Try it:
A verbatim copy of the whole listing is what is needed.

Available data:
● ● ● ● ●

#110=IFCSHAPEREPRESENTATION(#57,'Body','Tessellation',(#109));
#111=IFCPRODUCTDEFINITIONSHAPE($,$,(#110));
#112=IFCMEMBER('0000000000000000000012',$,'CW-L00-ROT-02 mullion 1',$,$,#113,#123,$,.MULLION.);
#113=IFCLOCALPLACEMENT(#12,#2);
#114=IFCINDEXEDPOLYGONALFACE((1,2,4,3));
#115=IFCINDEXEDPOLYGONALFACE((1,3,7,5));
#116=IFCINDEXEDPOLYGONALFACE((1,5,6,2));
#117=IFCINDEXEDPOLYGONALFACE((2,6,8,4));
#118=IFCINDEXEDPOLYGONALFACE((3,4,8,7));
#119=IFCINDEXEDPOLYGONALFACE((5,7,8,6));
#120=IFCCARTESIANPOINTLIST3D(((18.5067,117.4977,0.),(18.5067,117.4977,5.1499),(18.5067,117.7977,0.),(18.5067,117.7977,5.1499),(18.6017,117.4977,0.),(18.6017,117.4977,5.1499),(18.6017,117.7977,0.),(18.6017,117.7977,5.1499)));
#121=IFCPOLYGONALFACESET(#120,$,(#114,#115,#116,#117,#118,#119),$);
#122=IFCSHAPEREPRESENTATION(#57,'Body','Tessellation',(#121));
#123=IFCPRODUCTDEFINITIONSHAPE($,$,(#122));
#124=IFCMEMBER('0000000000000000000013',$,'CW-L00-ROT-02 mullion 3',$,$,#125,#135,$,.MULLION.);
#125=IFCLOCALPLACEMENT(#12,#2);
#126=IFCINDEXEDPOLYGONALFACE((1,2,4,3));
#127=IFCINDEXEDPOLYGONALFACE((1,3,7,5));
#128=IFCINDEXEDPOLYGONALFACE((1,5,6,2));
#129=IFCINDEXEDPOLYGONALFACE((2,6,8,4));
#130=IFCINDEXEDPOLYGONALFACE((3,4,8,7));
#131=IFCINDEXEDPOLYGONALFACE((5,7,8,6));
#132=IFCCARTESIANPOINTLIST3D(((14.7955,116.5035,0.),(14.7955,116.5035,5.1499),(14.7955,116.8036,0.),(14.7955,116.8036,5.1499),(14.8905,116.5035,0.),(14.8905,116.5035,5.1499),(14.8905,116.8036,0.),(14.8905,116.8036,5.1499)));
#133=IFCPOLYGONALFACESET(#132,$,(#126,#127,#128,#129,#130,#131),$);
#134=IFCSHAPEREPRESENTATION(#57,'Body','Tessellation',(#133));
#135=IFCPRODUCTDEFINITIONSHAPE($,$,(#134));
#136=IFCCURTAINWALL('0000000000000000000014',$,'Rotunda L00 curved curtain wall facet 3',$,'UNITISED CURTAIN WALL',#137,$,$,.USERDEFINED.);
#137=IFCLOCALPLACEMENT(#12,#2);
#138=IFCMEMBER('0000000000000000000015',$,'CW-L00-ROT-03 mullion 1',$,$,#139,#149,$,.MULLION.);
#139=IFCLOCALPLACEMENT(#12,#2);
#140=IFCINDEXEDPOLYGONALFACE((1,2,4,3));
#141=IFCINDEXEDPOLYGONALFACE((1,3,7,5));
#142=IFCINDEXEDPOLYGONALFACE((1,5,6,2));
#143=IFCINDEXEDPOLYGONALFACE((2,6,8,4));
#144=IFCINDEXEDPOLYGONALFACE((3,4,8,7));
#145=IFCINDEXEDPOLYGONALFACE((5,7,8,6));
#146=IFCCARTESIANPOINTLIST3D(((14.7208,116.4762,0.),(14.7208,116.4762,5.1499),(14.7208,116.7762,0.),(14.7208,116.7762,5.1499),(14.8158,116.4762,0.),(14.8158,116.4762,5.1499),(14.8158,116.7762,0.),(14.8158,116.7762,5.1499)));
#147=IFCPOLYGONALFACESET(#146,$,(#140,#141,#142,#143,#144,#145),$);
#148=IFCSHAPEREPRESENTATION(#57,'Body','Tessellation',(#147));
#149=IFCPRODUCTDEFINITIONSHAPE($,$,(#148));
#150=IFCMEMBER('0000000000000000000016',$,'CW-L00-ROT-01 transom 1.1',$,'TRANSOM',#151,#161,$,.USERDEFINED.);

● ● ● ● ●

Exercise solution:
#110=IFCSHAPEREPRESENTATION(#57,'Body','Tessellation',(#109));
#111=IFCPRODUCTDEFINITIONSHAPE($,$,(#110));
#112=IFCMEMBER('0000000000000000000012',$,'CW-L00-ROT-02 mullion 1',$,$,#113,#123,$,.MULLION.);
#113=IFCLOCALPLACEMENT(#12,#2);
#114=IFCINDEXEDPOLYGONALFACE((1,2,4,3));
#115=IFCINDEXEDPOLYGONALFACE((1,3,7,5));
#116=IFCINDEXEDPOLYGONALFACE((1,5,6,2));
#117=IFCINDEXEDPOLYGONALFACE((2,6,8,4));
#118=IFCINDEXEDPOLYGONALFACE((3,4,8,7));
#119=IFCINDEXEDPOLYGONALFACE((5,7,8,6));
#120=IFCCARTESIANPOINTLIST3D(((18.5067,117.4977,0.),(18.5067,117.4977,5.1499),(18.5067,117.7977,0.),(18.5067,117.7977,5.1499),(18.6017,117.4977,0.),(18.6017,117.4977,5.1499),(18.6017,117.7977,0.),(18.6017,117.7977,5.1499)));
#121=IFCPOLYGONALFACESET(#120,$,(#114,#115,#116,#117,#118,#119),$);
#122=IFCSHAPEREPRESENTATION(#57,'Body','Tessellation',(#121));
#123=IFCPRODUCTDEFINITIONSHAPE($,$,(#122));
#124=IFCMEMBER('0000000000000000000013',$,'CW-L00-ROT-02 mullion 3',$,$,#125,#135,$,.MULLION.);
#125=IFCLOCALPLACEMENT(#12,#2);
#126=IFCINDEXEDPOLYGONALFACE((1,2,4,3));
#127=IFCINDEXEDPOLYGONALFACE((1,3,7,5));
#128=IFCINDEXEDPOLYGONALFACE((1,5,6,2));
#129=IFCINDEXEDPOLYGONALFACE((2,6,8,4));
#130=IFCINDEXEDPOLYGONALFACE((3,4,8,7));
#131=IFCINDEXEDPOLYGONALFACE((5,7,8,6));
#132=IFCCARTESIANPOINTLIST3D(((14.7955,116.5035,0.),(14.7955,116.5035,5.1499),(14.7955,116.8036,0.),(14.7955,116.8036,5.1499),(14.8905,116.5035,0.),(14.8905,116.5035,5.1499),(14.8905,116.8036,0.),(14.8905,116.8036,5.1499)));
#133=IFCPOLYGONALFACESET(#132,$,(#126,#127,#128,#129,#130,#131),$);
#134=IFCSHAPEREPRESENTATION(#57,'Body','Tessellation',(#133));
#135=IFCPRODUCTDEFINITIONSHAPE($,$,(#134));
#136=IFCCURTAINWALL('0000000000000000000014',$,'Rotunda L00 curved curtain wall facet 3',$,'UNITISED CURTAIN WALL',#137,$,$,.USERDEFINED.);
#137=IFCLOCALPLACEMENT(#12,#2);
#138=IFCMEMBER('0000000000000000000015',$,'CW-L00-ROT-03 mullion 1',$,$,#139,#149,$,.MULLION.);
#139=IFCLOCALPLACEMENT(#12,#2);
#140=IFCINDEXEDPOLYGONALFACE((1,2,4,3));
#141=IFCINDEXEDPOLYGONALFACE((1,3,7,5));
#142=IFCINDEXEDPOLYGONALFACE((1,5,6,2));
#143=IFCINDEXEDPOLYGONALFACE((2,6,8,4));
#144=IFCINDEXEDPOLYGONALFACE((3,4,8,7));
#145=IFCINDEXEDPOLYGONALFACE((5,7,8,6));
#146=IFCCARTESIANPOINTLIST3D(((14.7208,116.4762,0.),(14.7208,116.4762,5.1499),(14.7208,116.7762,0.),(14.7208,116.7762,5.1499),(14.8158,116.4762,0.),(14.8158,116.4762,5.1499),(14.8158,116.7762,0.),(14.8158,116.7762,5.1499)));
#147=IFCPOLYGONALFACESET(#146,$,(#140,#141,#142,#143,#144,#145),$);
#148=IFCSHAPEREPRESENTATION(#57,'Body','Tessellation',(#147));
#149=IFCPRODUCTDEFINITIONSHAPE($,$,(#148));
#150=IFCMEMBER('0000000000000000000016',$,'CW-L00-ROT-01 transom 1.1',$,'TRANSOM',#151,#161,$,.USERDEFINED.);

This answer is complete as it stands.